> _INPUT DATA_:
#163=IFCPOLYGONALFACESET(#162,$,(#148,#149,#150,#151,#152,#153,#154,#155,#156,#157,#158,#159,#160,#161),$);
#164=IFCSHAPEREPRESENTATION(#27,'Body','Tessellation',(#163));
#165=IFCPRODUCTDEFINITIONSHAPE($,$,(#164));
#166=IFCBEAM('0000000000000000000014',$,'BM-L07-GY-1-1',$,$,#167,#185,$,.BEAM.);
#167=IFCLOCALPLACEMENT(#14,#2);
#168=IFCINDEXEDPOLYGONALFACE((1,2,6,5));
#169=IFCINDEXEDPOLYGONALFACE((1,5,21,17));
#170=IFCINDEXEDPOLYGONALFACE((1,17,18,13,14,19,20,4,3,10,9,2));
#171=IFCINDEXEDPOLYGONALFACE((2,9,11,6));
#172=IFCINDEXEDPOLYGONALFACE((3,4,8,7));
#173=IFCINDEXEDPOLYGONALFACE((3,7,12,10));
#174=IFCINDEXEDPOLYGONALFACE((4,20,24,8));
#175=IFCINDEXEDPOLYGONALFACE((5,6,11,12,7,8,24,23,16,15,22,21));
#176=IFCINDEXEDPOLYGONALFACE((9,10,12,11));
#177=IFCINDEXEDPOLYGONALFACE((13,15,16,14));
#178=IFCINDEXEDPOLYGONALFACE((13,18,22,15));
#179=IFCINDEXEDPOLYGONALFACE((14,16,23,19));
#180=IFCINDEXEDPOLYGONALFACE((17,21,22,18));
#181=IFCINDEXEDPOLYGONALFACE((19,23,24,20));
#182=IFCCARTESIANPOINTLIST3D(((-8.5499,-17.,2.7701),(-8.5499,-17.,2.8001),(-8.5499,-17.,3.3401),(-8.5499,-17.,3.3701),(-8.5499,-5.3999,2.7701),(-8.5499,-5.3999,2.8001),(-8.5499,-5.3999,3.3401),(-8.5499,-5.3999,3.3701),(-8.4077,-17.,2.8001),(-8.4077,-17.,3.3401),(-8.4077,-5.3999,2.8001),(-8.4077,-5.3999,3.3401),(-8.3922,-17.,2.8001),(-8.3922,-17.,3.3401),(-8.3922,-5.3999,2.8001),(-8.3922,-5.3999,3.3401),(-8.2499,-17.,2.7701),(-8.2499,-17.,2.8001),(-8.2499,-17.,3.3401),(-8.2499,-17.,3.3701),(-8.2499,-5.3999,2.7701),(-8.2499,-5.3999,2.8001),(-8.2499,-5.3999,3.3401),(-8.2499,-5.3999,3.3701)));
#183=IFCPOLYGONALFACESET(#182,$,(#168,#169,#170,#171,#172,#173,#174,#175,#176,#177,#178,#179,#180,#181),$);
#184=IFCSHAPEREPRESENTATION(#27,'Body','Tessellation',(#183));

> _YOUR GOAL_: Having gone through the data above, repeat it exactly.

> _SOLUTION FOR THIS TASK_:
#163=IFCPOLYGONALFACESET(#162,$,(#148,#149,#150,#151,#152,#153,#154,#155,#156,#157,#158,#159,#160,#161),$);
#164=IFCSHAPEREPRESENTATION(#27,'Body','Tessellation',(#163));
#165=IFCPRODUCTDEFINITIONSHAPE($,$,(#164));
#166=IFCBEAM('0000000000000000000014',$,'BM-L07-GY-1-1',$,$,#167,#185,$,.BEAM.);
#167=IFCLOCALPLACEMENT(#14,#2);
#168=IFCINDEXEDPOLYGONALFACE((1,2,6,5));
#169=IFCINDEXEDPOLYGONALFACE((1,5,21,17));
#170=IFCINDEXEDPOLYGONALFACE((1,17,18,13,14,19,20,4,3,10,9,2));
#171=IFCINDEXEDPOLYGONALFACE((2,9,11,6));
#172=IFCINDEXEDPOLYGONALFACE((3,4,8,7));
#173=IFCINDEXEDPOLYGONALFACE((3,7,12,10));
#174=IFCINDEXEDPOLYGONALFACE((4,20,24,8));
#175=IFCINDEXEDPOLYGONALFACE((5,6,11,12,7,8,24,23,16,15,22,21));
#176=IFCINDEXEDPOLYGONALFACE((9,10,12,11));
#177=IFCINDEXEDPOLYGONALFACE((13,15,16,14));
#178=IFCINDEXEDPOLYGONALFACE((13,18,22,15));
#179=IFCINDEXEDPOLYGONALFACE((14,16,23,19));
#180=IFCINDEXEDPOLYGONALFACE((17,21,22,18));
#181=IFCINDEXEDPOLYGONALFACE((19,23,24,20));
#182=IFCCARTESIANPOINTLIST3D(((-8.5499,-17.,2.7701),(-8.5499,-17.,2.8001),(-8.5499,-17.,3.3401),(-8.5499,-17.,3.3701),(-8.5499,-5.3999,2.7701),(-8.5499,-5.3999,2.8001),(-8.5499,-5.3999,3.3401),(-8.5499,-5.3999,3.3701),(-8.4077,-17.,2.8001),(-8.4077,-17.,3.3401),(-8.4077,-5.3999,2.8001),(-8.4077,-5.3999,3.3401),(-8.3922,-17.,2.8001),(-8.3922,-17.,3.3401),(-8.3922,-5.3999,2.8001),(-8.3922,-5.3999,3.3401),(-8.2499,-17.,2.7701),(-8.2499,-17.,2.8001),(-8.2499,-17.,3.3401),(-8.2499,-17.,3.3701),(-8.2499,-5.3999,2.7701),(-8.2499,-5.3999,2.8001),(-8.2499,-5.3999,3.3401),(-8.2499,-5.3999,3.3701)));
#183=IFCPOLYGONALFACESET(#182,$,(#168,#169,#170,#171,#172,#173,#174,#175,#176,#177,#178,#179,#180,#181),$);
#184=IFCSHAPEREPRESENTATION(#27,'Body','Tessellation',(#183));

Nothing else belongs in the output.